**Required work:**
In the records below, find the line containing "#82=IFCINDEXEDPOLYGONALFACE((1,2,4,3));" and the line containing "#87=IFCINDEXEDPOLYGONALFACE((5,7,8,6));"; please repeat exactly the lines from one to the other, both included, and nothing more.

#####

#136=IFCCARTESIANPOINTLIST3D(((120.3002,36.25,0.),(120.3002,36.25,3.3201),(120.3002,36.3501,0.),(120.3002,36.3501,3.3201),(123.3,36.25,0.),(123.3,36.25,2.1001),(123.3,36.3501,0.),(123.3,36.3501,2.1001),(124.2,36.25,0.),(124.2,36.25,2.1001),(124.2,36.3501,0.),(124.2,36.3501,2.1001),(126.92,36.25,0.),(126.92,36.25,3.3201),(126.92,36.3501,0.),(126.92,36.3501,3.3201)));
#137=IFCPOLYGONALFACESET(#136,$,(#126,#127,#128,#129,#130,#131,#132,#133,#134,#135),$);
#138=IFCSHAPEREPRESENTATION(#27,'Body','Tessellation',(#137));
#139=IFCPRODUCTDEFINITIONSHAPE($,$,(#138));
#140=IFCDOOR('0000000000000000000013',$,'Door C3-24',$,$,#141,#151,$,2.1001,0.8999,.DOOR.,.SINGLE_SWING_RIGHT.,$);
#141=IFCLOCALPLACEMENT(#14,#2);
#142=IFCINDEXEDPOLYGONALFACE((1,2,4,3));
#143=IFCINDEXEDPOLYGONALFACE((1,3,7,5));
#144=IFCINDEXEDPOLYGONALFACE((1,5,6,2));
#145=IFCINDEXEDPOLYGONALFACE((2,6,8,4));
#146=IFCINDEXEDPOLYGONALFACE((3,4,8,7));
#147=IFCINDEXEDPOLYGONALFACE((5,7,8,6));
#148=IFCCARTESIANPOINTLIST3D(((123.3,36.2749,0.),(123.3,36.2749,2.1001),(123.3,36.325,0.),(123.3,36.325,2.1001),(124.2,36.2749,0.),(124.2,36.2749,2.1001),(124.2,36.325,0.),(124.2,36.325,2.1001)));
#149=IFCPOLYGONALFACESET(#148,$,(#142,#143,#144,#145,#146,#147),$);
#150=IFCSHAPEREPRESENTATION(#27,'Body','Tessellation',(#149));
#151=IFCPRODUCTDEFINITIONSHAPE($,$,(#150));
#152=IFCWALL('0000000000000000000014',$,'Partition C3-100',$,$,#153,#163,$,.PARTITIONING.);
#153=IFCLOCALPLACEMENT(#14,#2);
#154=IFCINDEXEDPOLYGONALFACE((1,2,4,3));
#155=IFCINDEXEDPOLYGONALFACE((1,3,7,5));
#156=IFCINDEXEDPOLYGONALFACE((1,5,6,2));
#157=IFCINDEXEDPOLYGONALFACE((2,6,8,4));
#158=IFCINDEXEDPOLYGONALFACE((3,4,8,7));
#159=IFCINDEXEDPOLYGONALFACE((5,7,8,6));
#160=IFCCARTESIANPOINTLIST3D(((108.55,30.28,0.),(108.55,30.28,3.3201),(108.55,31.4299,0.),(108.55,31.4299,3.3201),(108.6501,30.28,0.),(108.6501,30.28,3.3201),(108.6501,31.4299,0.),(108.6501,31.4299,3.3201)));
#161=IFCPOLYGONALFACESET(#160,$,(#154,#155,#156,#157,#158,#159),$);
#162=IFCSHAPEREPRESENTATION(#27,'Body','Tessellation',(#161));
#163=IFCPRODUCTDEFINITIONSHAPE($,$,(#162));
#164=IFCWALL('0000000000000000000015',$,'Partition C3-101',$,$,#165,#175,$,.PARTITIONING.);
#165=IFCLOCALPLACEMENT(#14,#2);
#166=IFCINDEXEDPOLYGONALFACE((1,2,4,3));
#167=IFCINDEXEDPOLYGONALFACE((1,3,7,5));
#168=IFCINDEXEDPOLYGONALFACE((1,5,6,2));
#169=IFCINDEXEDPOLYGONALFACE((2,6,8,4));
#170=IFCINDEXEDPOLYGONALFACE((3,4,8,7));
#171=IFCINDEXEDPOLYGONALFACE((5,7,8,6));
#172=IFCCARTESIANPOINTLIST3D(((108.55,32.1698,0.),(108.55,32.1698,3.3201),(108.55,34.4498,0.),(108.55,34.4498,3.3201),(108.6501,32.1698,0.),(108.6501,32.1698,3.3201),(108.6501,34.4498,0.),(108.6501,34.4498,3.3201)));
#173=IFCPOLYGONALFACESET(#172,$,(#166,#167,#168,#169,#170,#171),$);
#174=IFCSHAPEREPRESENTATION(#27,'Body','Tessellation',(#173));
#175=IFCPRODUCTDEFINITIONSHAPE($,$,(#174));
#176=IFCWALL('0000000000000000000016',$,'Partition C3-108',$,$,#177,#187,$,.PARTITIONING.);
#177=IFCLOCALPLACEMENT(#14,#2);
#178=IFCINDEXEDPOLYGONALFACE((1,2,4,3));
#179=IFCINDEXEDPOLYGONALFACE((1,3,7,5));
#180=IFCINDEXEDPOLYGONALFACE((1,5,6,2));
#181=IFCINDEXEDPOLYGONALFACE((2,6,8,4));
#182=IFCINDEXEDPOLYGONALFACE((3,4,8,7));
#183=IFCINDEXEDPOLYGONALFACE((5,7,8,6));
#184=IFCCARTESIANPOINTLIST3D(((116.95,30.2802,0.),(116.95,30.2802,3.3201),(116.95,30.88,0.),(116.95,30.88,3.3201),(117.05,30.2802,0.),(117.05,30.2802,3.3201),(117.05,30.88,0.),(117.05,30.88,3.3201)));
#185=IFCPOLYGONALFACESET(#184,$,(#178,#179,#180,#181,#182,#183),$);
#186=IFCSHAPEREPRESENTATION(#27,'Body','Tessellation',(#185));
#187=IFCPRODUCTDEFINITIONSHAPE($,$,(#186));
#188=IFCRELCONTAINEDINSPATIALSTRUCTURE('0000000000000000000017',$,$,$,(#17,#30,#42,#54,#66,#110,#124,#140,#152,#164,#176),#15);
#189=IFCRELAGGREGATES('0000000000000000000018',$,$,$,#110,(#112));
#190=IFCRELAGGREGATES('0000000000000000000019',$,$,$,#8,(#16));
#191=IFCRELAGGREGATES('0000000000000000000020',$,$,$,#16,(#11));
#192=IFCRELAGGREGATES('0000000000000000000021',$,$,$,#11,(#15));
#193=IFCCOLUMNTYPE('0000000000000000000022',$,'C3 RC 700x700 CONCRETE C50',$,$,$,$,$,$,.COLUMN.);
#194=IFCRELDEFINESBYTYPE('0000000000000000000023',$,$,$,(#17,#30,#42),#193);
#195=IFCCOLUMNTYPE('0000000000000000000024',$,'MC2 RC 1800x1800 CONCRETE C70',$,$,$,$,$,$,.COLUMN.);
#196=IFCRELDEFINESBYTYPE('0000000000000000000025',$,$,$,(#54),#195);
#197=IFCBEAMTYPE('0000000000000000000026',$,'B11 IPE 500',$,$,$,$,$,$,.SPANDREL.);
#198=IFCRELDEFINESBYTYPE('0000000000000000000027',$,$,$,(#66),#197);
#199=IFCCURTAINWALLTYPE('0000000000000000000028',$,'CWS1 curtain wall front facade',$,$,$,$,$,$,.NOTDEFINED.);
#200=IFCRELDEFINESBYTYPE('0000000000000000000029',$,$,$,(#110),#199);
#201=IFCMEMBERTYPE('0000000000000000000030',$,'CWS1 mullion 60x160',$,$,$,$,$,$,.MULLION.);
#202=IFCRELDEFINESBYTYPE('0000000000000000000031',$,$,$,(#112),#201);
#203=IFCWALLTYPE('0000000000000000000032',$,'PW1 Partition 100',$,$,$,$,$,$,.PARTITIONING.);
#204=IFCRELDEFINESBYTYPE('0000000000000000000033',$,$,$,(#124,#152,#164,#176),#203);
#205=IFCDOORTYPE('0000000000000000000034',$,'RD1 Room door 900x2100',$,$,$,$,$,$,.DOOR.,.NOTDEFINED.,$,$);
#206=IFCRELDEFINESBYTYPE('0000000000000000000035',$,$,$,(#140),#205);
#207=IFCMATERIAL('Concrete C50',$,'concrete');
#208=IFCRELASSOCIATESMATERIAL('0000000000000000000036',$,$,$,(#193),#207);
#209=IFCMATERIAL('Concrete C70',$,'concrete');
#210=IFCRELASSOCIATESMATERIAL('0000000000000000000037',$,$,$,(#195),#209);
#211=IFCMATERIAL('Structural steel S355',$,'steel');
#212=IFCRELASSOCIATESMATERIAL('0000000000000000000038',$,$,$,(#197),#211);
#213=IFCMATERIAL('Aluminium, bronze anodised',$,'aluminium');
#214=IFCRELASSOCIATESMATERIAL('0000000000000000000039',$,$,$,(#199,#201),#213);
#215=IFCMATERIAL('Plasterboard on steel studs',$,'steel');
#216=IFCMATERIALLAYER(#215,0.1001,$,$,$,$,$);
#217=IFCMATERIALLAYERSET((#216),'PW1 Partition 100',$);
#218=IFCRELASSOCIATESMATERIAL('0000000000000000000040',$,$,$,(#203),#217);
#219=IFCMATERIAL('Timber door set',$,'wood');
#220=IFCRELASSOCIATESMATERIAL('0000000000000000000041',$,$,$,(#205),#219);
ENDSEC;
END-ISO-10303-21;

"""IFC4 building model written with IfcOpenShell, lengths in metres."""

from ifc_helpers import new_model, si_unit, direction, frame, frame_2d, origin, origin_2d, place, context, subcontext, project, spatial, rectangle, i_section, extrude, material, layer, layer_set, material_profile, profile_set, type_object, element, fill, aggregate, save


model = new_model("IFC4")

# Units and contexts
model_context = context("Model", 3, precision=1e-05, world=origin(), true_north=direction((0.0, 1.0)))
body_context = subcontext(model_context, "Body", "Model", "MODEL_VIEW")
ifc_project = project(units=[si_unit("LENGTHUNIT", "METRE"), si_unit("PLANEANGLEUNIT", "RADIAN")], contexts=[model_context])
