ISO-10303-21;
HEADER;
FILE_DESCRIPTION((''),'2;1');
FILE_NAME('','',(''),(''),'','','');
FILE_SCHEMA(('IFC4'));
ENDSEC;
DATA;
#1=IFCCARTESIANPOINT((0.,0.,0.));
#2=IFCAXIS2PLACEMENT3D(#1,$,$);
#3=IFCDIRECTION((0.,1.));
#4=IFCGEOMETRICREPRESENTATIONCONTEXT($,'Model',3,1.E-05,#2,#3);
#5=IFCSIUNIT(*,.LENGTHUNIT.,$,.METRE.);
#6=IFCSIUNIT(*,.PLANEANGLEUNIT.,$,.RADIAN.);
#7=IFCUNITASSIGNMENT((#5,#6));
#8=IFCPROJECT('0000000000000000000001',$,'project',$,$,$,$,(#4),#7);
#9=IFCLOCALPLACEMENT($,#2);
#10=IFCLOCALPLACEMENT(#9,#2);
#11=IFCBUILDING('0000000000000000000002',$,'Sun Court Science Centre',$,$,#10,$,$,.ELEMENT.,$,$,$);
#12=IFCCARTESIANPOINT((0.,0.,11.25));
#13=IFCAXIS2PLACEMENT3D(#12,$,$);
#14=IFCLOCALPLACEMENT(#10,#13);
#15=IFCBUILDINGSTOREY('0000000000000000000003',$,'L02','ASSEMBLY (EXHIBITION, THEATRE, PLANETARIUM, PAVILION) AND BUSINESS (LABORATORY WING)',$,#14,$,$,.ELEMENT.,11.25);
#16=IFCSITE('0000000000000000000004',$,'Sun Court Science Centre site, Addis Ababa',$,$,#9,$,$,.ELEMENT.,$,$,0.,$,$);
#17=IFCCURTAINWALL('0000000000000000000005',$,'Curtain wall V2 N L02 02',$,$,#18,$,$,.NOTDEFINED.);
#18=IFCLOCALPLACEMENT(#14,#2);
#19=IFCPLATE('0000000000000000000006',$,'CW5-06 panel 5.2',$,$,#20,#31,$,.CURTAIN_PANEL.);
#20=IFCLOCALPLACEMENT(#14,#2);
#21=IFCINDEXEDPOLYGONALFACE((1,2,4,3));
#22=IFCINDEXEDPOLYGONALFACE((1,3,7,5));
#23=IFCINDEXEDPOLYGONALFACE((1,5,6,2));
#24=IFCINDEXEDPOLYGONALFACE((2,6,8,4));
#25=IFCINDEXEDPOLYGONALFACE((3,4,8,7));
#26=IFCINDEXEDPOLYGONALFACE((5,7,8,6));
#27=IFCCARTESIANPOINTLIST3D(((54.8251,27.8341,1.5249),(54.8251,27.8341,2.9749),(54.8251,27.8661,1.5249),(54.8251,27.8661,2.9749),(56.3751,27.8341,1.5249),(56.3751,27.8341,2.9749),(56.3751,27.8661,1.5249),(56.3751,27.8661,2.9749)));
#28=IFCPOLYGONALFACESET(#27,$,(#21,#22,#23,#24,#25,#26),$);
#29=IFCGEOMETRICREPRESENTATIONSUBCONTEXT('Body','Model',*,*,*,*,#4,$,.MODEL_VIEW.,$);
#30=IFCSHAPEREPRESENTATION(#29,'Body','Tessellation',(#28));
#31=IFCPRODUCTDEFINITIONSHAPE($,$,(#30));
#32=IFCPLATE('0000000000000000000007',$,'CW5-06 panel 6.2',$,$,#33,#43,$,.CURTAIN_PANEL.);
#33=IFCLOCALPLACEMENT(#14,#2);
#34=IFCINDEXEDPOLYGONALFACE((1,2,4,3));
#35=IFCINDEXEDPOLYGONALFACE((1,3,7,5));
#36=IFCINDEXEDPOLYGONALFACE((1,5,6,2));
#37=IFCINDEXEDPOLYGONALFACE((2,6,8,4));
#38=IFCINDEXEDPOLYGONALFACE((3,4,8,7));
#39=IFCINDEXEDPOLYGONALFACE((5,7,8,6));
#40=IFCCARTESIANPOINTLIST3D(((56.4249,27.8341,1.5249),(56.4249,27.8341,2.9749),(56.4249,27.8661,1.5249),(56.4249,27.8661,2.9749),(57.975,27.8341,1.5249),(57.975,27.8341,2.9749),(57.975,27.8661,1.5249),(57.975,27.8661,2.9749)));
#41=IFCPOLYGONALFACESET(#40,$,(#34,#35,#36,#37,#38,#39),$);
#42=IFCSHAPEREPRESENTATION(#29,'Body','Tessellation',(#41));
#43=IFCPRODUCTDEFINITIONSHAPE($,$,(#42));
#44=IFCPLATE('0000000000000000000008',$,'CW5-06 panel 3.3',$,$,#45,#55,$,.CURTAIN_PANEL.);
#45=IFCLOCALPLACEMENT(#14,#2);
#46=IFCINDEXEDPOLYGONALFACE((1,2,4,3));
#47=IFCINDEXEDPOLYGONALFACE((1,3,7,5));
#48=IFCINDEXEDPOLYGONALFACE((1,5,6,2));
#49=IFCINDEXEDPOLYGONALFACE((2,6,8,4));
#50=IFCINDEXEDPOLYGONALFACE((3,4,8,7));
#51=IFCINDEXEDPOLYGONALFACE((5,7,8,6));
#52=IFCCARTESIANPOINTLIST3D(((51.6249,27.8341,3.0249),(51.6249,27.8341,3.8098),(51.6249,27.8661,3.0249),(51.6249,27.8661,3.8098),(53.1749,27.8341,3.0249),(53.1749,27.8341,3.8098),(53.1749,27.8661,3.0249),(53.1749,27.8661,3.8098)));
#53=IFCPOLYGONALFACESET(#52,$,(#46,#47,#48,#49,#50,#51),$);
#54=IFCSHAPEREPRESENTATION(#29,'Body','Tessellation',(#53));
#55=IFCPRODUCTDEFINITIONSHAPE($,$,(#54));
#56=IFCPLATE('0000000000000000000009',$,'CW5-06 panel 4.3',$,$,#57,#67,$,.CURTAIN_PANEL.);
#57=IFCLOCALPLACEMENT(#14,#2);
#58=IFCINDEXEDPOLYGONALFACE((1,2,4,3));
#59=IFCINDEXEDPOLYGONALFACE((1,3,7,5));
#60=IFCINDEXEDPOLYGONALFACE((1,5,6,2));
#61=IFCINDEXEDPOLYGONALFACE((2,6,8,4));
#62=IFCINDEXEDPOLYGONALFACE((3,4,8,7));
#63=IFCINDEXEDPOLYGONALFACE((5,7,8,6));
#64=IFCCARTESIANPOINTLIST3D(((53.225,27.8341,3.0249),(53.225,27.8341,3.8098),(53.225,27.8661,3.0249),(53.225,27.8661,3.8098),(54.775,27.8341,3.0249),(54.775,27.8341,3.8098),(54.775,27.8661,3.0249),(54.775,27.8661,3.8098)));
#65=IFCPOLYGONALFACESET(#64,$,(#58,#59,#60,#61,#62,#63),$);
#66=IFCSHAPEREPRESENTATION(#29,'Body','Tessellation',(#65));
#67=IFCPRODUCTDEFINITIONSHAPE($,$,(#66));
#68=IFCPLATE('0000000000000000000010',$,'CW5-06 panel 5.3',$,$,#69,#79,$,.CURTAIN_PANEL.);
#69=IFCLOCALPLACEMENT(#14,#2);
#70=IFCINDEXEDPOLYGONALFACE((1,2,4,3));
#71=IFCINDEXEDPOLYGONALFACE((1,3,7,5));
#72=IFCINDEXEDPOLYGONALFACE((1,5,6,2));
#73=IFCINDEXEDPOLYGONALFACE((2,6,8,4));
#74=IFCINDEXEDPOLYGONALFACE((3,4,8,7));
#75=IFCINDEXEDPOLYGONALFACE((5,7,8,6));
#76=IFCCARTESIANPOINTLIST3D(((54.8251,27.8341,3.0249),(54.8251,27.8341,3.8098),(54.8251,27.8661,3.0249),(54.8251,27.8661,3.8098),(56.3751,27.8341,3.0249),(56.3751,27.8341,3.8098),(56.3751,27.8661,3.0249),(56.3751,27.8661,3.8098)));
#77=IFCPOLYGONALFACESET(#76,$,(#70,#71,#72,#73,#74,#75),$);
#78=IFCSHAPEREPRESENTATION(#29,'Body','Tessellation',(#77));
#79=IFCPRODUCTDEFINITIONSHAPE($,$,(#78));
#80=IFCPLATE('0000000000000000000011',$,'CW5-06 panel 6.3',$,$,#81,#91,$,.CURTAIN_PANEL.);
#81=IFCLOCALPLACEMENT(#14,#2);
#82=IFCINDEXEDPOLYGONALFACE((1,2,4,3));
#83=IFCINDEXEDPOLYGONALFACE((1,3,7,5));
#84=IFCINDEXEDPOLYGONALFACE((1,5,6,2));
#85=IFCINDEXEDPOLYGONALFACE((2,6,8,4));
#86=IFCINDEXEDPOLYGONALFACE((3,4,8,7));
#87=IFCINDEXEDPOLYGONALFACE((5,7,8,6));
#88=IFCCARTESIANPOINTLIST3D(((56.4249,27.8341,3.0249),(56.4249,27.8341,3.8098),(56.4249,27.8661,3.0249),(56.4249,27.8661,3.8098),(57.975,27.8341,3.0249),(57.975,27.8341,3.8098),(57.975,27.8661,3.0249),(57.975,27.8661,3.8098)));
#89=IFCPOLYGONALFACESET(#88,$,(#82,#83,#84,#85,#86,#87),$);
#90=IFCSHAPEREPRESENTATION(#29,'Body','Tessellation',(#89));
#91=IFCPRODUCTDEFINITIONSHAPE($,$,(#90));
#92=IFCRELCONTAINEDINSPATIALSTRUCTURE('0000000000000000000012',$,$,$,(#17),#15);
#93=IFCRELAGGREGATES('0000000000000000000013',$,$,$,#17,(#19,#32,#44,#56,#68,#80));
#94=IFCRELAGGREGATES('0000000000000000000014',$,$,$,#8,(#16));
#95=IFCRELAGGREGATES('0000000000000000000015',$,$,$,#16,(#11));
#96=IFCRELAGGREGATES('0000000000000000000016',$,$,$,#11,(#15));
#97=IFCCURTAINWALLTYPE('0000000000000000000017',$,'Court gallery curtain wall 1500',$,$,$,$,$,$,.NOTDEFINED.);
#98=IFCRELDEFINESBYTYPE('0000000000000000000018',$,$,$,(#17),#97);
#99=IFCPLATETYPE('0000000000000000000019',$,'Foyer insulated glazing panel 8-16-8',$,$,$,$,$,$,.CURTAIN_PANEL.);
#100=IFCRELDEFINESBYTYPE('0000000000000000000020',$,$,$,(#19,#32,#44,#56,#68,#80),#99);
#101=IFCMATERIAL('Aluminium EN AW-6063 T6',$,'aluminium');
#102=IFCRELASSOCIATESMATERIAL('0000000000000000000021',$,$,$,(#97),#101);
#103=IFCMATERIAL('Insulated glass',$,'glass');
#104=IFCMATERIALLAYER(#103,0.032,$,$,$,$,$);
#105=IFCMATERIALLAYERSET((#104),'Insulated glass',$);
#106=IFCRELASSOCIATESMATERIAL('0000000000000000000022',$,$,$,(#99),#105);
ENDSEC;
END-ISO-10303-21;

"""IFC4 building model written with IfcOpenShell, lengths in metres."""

from ifc_helpers import new_model, si_unit, direction, frame, origin, origin_2d, place, context, subcontext, project, spatial, rectangle, extrude, material, layer, layer_set, type_object, element, aggregate, save


model = new_model("IFC4")

# Units and contexts
model_context = context("Model", 3, precision=1e-05, world=origin(), true_north=direction((0.0, 1.0)))
body_context = subcontext(model_context, "Body", "Model", "MODEL_VIEW")
ifc_project = project(units=[si_unit("LENGTHUNIT", "METRE"), si_unit("PLANEANGLEUNIT", "RADIAN")], contexts=[model_context])

# Site, building, storey
site_placement = place(None, origin())
site = spatial("IfcSite", under=ifc_project, at=site_placement, Name="Sun Court Science Centre site, Addis Ababa", CompositionType="ELEMENT", RefElevation=0.0)
building_placement = place(site_placement, origin())
building = spatial("IfcBuilding", under=site, at=building_placement, Name="Sun Court Science Centre", CompositionType="ELEMENT")
storey_placement = place(building_placement, frame((0.0, 0.0, 11.25)))
storey = spatial("IfcBuildingStorey", under=building, at=storey_placement, Name="L02", Description="ASSEMBLY (EXHIBITION, THEATRE, PLANETARIUM, PAVILION) AND BUSINESS (LABORATORY WING)", CompositionType="ELEMENT", Elevation=11.25)

# Curtain wall
ifc_material_1 = material(Name="Aluminium EN AW-6063 T6", Category="aluminium")
curtain_wall_type_1 = type_object("IfcCurtainWallType", Name="Court gallery curtain wall 1500", PredefinedType="NOTDEFINED", material=ifc_material_1)
curtain_wall_1_placement = place(storey_placement, origin())
curtain_wall_1 = element("IfcCurtainWall", 1, at=curtain_wall_1_placement, inside=storey, type_object=curtain_wall_type_1, Name="Curtain wall V2 N L02 02", PredefinedType="NOTDEFINED")

# Plates
ifc_material_2 = material(Name="Insulated glass", Category="glass")
ifc_layer = layer(ifc_material_2, 0.032)
ifc_layer_set = layer_set([ifc_layer], Name="Insulated glass")
plate_type = type_object("IfcPlateType", Name="Foyer insulated glazing panel 8-16-8", PredefinedType="CURTAIN_PANEL", material=ifc_layer_set)
plate_1_placement = place(storey_placement, frame((55.6001, 27.8501, 1.5249), z_axis=(0.0, 0.0, 1.0), x_axis=(1.0, 0.0, 0.0)))
plate_1 = element("IfcPlate", 2, at=plate_1_placement, type_object=plate_type, Name="CW5-06 panel 5.2", PredefinedType="CURTAIN_PANEL", context=body_context, shape_type="SweptSolid", body=[
    extrude(rectangle(XDim=1.55, YDim=0.032, at=origin_2d()), origin(), (0.0, 0.0, 1.0), 1.45),
])
plate_2_placement = place(storey_placement, frame((57.2, 27.8501, 1.5249), z_axis=(0.0, 0.0, 1.0), x_axis=(1.0, 0.0, 0.0)))
plate_2 = element("IfcPlate", 3, at=plate_2_placement, type_object=plate_type, Name="CW5-06 panel 6.2", PredefinedType="CURTAIN_PANEL", context=body_context, shape_type="SweptSolid", body=[
    extrude(rectangle(XDim=1.55, YDim=0.032, at=origin_2d()), origin(), (0.0, 0.0, 1.0), 1.45),
])
plate_3_placement = place(storey_placement, frame((52.3999, 27.8501, 3.0249), z_axis=(0.0, 0.0, 1.0), x_axis=(1.0, 0.0, 0.0)))
plate_3 = element("IfcPlate", 4, at=plate_3_placement, type_object=plate_type, Name="CW5-06 panel 3.3", PredefinedType="CURTAIN_PANEL", context=body_context, shape_type="SweptSolid", body=[
    extrude(rectangle(XDim=1.55, YDim=0.032, at=origin_2d()), origin(), (0.0, 0.0, 1.0), 0.7849),
])
plate_4_placement = place(storey_placement, frame((54.0, 27.8501, 3.0249), z_axis=(0.0, 0.0, 1.0), x_axis=(1.0, 0.0, 0.0)))
plate_4 = element("IfcPlate", 5, at=plate_4_placement, type_object=plate_type, Name="CW5-06 panel 4.3", PredefinedType="CURTAIN_PANEL", context=body_context, shape_type="SweptSolid", body=[
    extrude(rectangle(XDim=1.55, YDim=0.032, at=origin_2d()), origin(), (0.0, 0.0, 1.0), 0.7849),
])
plate_5_placement = place(storey_placement, frame((55.6001, 27.8501, 3.0249), z_axis=(0.0, 0.0, 1.0), x_axis=(1.0, 0.0, 0.0)))
plate_5 = element("IfcPlate", 6, at=plate_5_placement, type_object=plate_type, Name="CW5-06 panel 5.3", PredefinedType="CURTAIN_PANEL", context=body_context, shape_type="SweptSolid", body=[
    extrude(rectangle(XDim=1.55, YDim=0.032, at=origin_2d()), origin(), (0.0, 0.0, 1.0), 0.7849),
])
plate_6_placement = place(storey_placement, frame((57.2, 27.8501, 3.0249), z_axis=(0.0, 0.0, 1.0), x_axis=(1.0, 0.0, 0.0)))
plate_6 = element("IfcPlate", 7, at=plate_6_placement, type_object=plate_type, Name="CW5-06 panel 6.3", PredefinedType="CURTAIN_PANEL", context=body_context, shape_type="SweptSolid", body=[
    extrude(rectangle(XDim=1.55, YDim=0.032, at=origin_2d()), origin(), (0.0, 0.0, 1.0), 0.7849),
])
aggregate(curtain_wall_1, [plate_1, plate_2, plate_3, plate_4, plate_5, plate_6])

save(model, "model.ifc")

#####

**Answer space:**
#82=IFCINDEXEDPOLYGONALFACE((1,2,4,3));
#83=IFCINDEXEDPOLYGONALFACE((1,3,7,5));
#84=IFCINDEXEDPOLYGONALFACE((1,5,6,2));
#85=IFCINDEXEDPOLYGONALFACE((2,6,8,4));
#86=IFCINDEXEDPOLYGONALFACE((3,4,8,7));
#87=IFCINDEXEDPOLYGONALFACE((5,7,8,6));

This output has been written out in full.